**Instructions to follow**
Within the listing that follows, how many lines contain the word "IFCLOCALPLACEMENT"? Only the number is wanted.

------------------------------

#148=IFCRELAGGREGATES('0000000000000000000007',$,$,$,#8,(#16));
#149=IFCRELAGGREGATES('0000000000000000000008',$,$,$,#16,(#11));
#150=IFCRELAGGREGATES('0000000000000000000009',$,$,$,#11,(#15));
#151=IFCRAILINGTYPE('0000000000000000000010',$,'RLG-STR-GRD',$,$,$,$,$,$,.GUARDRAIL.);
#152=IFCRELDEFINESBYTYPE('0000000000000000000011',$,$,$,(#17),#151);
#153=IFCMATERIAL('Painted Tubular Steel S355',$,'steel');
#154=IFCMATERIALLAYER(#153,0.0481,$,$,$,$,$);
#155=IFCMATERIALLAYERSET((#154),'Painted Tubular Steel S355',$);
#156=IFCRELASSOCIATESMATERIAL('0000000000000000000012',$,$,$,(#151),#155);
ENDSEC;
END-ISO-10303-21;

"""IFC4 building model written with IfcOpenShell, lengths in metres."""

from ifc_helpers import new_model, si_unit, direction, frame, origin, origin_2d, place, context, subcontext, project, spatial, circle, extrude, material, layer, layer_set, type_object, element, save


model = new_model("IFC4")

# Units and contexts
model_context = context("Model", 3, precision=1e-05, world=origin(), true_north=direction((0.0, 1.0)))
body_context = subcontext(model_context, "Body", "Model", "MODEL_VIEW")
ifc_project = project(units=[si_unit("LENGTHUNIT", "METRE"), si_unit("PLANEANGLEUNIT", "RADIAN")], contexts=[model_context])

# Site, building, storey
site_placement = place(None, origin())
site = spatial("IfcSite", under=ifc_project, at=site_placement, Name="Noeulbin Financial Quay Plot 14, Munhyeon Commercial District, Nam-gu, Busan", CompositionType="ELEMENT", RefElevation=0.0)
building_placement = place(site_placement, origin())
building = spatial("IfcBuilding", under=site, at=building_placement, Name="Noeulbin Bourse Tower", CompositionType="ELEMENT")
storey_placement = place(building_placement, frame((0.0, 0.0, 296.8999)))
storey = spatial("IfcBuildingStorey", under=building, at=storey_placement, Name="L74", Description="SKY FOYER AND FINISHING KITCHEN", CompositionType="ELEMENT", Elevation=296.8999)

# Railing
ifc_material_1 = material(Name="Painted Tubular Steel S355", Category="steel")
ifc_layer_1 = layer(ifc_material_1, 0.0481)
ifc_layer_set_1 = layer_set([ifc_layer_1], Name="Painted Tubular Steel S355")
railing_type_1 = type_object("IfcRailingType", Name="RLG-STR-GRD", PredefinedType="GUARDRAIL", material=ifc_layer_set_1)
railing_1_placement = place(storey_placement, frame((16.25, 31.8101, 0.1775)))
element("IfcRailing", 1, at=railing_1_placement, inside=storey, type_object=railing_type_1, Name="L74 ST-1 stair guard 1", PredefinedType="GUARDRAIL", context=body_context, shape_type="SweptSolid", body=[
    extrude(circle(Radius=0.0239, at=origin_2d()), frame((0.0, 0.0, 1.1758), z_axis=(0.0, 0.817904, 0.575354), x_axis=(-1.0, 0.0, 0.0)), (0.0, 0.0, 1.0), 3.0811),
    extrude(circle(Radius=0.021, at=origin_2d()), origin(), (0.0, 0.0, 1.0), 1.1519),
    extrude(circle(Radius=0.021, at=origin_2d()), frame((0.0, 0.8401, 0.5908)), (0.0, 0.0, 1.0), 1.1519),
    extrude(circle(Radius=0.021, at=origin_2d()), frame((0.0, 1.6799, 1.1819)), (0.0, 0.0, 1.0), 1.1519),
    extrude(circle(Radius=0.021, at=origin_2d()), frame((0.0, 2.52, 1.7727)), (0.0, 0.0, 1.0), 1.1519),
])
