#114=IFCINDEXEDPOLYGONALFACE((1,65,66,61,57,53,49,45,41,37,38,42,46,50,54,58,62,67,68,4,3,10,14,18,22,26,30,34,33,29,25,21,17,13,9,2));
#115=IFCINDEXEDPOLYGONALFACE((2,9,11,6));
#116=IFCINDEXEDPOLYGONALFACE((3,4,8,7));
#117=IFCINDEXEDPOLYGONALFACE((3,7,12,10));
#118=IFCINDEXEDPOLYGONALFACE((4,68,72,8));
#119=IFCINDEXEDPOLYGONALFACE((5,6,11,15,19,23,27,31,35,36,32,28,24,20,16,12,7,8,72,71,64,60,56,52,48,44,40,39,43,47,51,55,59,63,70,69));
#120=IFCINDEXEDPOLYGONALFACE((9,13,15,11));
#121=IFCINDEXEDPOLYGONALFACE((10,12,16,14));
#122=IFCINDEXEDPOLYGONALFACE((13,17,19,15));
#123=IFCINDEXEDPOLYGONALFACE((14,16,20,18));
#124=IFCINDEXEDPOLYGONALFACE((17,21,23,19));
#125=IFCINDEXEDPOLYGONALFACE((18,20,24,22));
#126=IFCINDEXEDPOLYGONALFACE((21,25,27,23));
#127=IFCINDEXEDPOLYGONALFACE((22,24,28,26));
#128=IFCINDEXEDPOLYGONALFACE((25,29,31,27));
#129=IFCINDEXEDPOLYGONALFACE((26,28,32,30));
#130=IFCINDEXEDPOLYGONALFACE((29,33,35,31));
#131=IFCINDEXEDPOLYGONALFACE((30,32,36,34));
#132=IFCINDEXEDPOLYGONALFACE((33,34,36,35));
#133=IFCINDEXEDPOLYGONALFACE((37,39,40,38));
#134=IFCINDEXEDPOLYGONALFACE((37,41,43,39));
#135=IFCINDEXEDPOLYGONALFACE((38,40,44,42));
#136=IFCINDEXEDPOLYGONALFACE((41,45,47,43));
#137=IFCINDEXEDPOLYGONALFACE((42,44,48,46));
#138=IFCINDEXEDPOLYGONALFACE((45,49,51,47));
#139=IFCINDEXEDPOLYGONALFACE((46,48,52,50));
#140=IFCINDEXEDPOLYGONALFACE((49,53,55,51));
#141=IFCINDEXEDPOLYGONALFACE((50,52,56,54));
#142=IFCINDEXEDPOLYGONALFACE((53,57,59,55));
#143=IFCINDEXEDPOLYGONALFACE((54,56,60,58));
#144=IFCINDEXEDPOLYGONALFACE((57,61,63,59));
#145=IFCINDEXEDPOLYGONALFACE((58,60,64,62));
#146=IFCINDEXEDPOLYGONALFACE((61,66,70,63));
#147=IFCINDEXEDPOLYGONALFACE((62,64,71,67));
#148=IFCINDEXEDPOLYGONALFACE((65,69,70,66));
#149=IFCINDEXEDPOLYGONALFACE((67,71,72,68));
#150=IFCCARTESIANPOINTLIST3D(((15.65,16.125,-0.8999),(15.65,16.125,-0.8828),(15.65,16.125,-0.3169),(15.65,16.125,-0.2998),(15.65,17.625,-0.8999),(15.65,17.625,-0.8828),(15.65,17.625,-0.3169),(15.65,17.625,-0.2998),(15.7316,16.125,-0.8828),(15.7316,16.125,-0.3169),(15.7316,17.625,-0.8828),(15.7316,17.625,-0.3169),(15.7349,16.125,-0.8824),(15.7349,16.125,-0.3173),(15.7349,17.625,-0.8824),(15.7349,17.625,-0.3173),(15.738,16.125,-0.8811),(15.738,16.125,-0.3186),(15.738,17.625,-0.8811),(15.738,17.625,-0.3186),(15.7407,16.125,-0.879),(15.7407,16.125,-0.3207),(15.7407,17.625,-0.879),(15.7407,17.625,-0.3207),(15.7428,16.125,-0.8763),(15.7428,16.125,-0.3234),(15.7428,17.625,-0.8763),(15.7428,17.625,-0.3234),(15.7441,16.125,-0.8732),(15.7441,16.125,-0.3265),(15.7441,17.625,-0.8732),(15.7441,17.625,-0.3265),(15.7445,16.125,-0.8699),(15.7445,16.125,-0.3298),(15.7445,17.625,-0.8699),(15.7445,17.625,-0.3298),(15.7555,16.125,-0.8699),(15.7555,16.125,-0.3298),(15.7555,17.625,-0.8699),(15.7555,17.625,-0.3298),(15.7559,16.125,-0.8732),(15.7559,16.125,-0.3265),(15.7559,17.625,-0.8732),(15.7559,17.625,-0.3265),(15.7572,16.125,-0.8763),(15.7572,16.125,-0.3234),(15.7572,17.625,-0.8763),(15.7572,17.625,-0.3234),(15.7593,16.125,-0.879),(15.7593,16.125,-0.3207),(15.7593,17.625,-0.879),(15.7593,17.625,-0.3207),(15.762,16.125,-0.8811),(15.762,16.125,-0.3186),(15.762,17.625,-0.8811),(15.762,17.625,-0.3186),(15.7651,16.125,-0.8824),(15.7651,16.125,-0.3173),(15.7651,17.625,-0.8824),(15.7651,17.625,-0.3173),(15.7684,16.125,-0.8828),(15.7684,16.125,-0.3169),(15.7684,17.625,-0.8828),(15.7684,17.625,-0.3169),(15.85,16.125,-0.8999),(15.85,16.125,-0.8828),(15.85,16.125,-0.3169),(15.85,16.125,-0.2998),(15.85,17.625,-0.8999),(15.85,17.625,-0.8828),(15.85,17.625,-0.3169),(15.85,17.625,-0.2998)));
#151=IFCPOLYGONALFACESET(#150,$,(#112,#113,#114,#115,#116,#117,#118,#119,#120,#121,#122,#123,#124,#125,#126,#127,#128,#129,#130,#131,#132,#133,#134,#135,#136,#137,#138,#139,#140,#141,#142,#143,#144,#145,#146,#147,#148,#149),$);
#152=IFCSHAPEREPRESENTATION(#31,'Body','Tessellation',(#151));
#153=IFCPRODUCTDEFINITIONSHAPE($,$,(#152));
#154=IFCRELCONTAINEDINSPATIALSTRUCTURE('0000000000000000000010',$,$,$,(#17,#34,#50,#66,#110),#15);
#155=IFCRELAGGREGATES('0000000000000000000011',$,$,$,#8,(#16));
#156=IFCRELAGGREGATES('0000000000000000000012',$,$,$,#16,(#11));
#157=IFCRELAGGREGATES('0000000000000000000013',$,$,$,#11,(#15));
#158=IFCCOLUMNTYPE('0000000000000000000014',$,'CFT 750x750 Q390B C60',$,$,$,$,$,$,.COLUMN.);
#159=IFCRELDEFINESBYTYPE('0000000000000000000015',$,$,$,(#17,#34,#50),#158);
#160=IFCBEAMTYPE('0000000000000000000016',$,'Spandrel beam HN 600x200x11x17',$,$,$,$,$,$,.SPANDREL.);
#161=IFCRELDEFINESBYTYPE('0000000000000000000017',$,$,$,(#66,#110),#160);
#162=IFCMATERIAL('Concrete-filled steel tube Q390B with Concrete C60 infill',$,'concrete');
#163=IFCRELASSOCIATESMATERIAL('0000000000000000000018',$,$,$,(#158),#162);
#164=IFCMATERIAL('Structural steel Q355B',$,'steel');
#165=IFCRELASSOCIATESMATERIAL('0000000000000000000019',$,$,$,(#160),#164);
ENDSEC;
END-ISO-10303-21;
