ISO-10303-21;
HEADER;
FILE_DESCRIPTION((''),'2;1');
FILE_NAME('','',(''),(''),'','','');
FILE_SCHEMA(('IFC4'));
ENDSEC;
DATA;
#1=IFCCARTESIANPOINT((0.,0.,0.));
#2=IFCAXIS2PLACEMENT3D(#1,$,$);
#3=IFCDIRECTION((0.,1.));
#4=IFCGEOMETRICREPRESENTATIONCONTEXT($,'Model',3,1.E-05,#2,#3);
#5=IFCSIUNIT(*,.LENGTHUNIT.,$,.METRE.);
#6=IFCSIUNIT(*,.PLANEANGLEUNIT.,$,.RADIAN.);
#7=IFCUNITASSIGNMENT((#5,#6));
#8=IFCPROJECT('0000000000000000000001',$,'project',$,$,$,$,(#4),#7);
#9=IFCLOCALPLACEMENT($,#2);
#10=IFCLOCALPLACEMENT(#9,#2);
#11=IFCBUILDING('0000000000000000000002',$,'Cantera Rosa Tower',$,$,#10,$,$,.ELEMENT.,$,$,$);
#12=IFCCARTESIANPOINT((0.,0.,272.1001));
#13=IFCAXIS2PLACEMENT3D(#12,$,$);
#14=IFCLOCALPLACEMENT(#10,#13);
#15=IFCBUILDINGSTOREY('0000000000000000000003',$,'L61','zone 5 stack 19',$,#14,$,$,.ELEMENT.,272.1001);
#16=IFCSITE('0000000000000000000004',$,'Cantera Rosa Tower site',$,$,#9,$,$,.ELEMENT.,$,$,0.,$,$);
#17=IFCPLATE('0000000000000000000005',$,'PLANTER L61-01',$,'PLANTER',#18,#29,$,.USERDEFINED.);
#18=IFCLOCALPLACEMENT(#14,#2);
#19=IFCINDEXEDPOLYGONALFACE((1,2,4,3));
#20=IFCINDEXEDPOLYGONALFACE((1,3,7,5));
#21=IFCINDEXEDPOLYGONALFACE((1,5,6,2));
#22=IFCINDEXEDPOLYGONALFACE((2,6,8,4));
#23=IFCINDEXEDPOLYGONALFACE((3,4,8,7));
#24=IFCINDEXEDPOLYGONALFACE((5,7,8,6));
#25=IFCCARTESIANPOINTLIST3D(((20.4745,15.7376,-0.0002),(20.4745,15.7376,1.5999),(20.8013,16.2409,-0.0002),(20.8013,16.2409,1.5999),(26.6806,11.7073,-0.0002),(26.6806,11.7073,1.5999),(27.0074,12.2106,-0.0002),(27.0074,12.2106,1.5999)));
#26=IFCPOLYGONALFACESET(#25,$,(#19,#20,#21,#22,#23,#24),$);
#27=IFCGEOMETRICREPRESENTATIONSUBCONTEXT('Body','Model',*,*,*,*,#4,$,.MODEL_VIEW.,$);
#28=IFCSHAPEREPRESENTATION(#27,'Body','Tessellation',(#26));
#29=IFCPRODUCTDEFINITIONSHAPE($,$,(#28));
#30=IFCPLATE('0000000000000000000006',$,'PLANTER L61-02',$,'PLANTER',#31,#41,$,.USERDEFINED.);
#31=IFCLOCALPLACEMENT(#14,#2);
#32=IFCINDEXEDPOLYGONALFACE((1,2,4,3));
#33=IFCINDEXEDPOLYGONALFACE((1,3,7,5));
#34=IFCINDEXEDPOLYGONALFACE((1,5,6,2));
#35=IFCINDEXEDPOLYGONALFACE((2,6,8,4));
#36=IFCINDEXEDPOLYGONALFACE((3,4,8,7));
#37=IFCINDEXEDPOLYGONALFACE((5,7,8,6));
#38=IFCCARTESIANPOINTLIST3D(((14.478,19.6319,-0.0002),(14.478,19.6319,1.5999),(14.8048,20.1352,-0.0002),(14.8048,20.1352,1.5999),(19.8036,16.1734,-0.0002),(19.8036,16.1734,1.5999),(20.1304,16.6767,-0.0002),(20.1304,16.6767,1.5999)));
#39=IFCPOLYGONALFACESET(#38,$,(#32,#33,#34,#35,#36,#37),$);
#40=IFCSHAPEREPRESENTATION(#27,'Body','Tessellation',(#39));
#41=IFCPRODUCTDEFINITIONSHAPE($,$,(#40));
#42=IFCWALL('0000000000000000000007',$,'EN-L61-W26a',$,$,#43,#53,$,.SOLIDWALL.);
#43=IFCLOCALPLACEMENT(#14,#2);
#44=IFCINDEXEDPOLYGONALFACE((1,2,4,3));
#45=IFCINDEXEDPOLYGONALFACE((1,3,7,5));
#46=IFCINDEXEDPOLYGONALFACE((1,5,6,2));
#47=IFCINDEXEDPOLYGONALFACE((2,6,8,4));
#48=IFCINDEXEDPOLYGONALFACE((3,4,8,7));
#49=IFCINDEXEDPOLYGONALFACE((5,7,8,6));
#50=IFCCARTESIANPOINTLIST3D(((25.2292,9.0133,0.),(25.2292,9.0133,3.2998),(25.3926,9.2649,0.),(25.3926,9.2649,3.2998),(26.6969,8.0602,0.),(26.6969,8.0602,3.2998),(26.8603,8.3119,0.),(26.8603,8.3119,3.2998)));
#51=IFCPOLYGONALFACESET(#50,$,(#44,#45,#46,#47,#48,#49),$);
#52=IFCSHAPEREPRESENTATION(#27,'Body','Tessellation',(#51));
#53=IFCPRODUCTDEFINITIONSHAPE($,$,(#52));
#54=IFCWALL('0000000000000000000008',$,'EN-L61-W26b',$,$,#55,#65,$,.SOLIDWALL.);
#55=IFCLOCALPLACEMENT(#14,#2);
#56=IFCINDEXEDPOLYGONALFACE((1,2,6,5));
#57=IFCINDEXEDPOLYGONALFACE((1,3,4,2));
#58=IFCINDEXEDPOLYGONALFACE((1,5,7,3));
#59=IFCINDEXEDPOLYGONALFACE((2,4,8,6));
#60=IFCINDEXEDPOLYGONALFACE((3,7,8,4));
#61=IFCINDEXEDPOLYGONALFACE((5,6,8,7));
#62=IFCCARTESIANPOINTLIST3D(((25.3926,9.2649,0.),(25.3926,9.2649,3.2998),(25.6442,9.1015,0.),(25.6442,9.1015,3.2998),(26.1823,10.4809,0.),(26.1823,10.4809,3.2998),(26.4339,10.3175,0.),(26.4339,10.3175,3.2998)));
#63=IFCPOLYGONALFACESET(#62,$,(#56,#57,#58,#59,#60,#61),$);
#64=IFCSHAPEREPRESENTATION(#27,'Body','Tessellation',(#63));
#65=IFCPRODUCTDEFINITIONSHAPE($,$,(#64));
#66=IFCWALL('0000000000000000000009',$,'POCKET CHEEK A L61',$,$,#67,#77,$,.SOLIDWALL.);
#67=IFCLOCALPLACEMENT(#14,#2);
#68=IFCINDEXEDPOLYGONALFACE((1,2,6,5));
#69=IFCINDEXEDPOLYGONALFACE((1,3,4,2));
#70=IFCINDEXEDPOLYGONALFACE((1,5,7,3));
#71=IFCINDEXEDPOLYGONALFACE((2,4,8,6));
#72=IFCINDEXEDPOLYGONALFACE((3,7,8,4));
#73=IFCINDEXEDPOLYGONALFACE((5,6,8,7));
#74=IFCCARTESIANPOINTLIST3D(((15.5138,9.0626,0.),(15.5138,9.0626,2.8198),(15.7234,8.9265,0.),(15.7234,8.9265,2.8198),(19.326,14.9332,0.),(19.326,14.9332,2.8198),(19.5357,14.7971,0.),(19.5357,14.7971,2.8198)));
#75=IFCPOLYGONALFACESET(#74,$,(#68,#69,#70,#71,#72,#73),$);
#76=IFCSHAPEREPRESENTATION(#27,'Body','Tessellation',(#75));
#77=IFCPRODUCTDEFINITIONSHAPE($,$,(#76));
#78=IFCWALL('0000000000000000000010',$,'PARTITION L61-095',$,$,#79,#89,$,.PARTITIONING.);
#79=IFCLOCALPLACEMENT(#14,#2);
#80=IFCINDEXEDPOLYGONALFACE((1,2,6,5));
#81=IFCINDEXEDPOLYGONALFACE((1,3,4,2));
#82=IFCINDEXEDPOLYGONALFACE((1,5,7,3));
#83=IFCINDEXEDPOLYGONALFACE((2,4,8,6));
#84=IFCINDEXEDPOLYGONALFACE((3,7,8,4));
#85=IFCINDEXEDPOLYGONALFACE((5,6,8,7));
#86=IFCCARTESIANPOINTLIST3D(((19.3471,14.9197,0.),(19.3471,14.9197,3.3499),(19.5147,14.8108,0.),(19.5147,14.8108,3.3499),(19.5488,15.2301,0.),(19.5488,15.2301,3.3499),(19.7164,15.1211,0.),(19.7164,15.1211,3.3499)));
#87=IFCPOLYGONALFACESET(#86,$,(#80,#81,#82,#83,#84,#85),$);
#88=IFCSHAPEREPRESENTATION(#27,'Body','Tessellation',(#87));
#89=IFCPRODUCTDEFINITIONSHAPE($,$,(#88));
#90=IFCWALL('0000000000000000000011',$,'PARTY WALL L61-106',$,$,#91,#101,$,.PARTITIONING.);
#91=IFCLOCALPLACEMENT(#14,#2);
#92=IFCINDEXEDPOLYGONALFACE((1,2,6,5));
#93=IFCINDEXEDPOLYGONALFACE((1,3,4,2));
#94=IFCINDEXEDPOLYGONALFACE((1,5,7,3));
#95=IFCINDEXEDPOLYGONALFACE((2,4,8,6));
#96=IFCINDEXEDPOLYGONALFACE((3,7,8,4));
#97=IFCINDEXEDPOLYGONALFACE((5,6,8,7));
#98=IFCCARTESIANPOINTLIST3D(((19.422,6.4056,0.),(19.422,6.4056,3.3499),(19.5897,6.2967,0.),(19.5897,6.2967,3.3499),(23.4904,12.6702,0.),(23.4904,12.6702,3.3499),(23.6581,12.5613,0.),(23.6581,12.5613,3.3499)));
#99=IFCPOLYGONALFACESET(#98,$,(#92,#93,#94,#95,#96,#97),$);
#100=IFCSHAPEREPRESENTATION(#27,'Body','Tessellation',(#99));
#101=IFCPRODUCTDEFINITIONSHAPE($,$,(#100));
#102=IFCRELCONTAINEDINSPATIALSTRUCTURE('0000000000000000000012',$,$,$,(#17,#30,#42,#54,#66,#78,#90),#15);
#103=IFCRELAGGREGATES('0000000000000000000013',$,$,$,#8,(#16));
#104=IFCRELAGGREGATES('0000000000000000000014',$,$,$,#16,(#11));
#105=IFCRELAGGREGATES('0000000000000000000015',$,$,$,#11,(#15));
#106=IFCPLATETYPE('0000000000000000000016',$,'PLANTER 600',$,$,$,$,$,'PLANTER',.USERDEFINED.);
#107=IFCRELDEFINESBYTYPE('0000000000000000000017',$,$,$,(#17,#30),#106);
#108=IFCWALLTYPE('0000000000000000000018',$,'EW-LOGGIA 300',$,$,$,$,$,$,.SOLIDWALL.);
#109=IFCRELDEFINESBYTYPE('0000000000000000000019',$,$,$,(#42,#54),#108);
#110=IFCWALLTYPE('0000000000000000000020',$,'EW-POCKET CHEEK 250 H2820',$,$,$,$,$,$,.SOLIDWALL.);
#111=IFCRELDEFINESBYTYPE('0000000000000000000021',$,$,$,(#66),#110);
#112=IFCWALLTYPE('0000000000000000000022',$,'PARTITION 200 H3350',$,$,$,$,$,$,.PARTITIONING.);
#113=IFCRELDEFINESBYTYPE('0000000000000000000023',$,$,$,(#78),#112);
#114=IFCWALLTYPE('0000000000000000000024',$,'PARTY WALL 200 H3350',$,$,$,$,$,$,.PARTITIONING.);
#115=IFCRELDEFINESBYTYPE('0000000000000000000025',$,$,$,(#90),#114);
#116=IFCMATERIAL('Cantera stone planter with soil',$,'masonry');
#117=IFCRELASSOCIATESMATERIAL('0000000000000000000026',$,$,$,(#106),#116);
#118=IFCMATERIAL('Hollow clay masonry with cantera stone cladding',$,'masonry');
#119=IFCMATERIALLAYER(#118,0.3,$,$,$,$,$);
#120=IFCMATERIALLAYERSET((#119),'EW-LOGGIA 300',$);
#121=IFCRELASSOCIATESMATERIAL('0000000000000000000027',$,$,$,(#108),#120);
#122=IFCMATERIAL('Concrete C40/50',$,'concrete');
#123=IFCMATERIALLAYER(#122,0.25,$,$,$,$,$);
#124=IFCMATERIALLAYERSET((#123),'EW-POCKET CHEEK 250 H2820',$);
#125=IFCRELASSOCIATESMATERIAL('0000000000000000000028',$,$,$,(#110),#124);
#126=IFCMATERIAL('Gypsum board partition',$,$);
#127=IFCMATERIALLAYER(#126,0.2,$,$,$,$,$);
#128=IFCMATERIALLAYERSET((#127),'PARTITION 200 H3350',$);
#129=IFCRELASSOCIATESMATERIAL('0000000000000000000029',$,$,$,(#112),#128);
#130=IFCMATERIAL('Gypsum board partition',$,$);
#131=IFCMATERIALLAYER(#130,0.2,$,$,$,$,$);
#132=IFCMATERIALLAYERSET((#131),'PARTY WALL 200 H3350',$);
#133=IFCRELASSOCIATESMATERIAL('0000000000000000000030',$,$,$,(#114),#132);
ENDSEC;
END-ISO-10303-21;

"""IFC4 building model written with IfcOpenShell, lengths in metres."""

from ifc_helpers import new_model, si_unit, direction, frame, frame_2d, origin, origin_2d, place, context, subcontext, project, spatial, rectangle, extrude, material, layer, layer_set, type_object, element, save


model = new_model("IFC4")

# Units and contexts
model_context = context("Model", 3, precision=1e-05, world=origin(), true_north=direction((0.0, 1.0)))
body_context = subcontext(model_context, "Body", "Model", "MODEL_VIEW")
ifc_project = project(units=[si_unit("LENGTHUNIT", "METRE"), si_unit("PLANEANGLEUNIT", "RADIAN")], contexts=[model_context])

# Site, building, storey
site_placement = place(None, origin())
site = spatial("IfcSite", under=ifc_project, at=site_placement, Name="Cantera Rosa Tower site", CompositionType="ELEMENT", RefElevation=0.0)
building_placement = place(site_placement, origin())
building = spatial("IfcBuilding", under=site, at=building_placement, Name="Cantera Rosa Tower", CompositionType="ELEMENT")
storey_placement = place(building_placement, frame((0.0, 0.0, 272.1001)))
storey = spatial("IfcBuildingStorey", under=building, at=storey_placement, Name="L61", Description="zone 5 stack 19", CompositionType="ELEMENT", Elevation=272.1001)

# Plates
ifc_material_1 = material(Name="Cantera stone planter with soil", Category="masonry")
plate_type = type_object("IfcPlateType", Name="PLANTER 600", ElementType="PLANTER", PredefinedType="USERDEFINED", material=ifc_material_1)
plate_1_placement = place(storey_placement, frame((23.741, 13.9741, -0.0002), z_axis=(0.0, 0.0, 1.0), x_axis=(-0.838671, 0.544639, 0.0)))
element("IfcPlate", 1, at=plate_1_placement, inside=storey, type_object=plate_type, Name="PLANTER L61-01", ObjectType="PLANTER", PredefinedType="USERDEFINED", context=body_context, shape_type="SweptSolid", body=[
    extrude(rectangle(XDim=7.3999, YDim=0.6001, at=origin_2d()), origin(), (0.0, 0.0, 1.0), 1.6001),
])
plate_2_placement = place(storey_placement, frame((17.3042, 18.1543, -0.0002), z_axis=(0.0, 0.0, 1.0), x_axis=(-0.838671, 0.544639, 0.0)))
element("IfcPlate", 2, at=plate_2_placement, inside=storey, type_object=plate_type, Name="PLANTER L61-02", ObjectType="PLANTER", PredefinedType="USERDEFINED", context=body_context, shape_type="SweptSolid", body=[
    extrude(rectangle(XDim=6.3501, YDim=0.6001, at=origin_2d()), origin(), (0.0, 0.0, 1.0), 1.6001),
])

# Walls
ifc_material_2 = material(Name="Hollow clay masonry with cantera stone cladding", Category="masonry")
ifc_layer_1 = layer(ifc_material_2, 0.3)
ifc_layer_set_1 = layer_set([ifc_layer_1], Name="EW-LOGGIA 300")
wall_type_1 = type_object("IfcWallType", Name="EW-LOGGIA 300", PredefinedType="SOLIDWALL", material=ifc_layer_set_1)
wall_1_placement = place(storey_placement, frame((26.7786, 8.186, 0.0), z_axis=(0.0, 0.0, 1.0), x_axis=(-0.838686, 0.544616, 0.0)))
element("IfcWall", 3, at=wall_1_placement, inside=storey, type_object=wall_type_1, Name="EN-L61-W26a", PredefinedType="SOLIDWALL", context=body_context, shape_type="SweptSolid", body=[
    extrude(rectangle(XDim=1.75, YDim=0.3, at=frame_2d((0.875, 0.0))), origin(), (0.0, 0.0, 1.0), 3.2998),
])
wall_2_placement = place(storey_placement, frame((25.5183, 9.1831, 0.0), z_axis=(0.0, 0.0, 1.0), x_axis=(0.544675, 0.838647, 0.0)))
element("IfcWall", 4, at=wall_2_placement, inside=storey, type_object=wall_type_1, Name="EN-L61-W26b", PredefinedType="SOLIDWALL", context=body_context, shape_type="SweptSolid", body=[
    extrude(rectangle(XDim=1.45, YDim=0.3, at=frame_2d((0.7251, 0.0))), origin(), (0.0, 0.0, 1.0), 3.2998),
])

------------------------------

**Response for this exercise**
10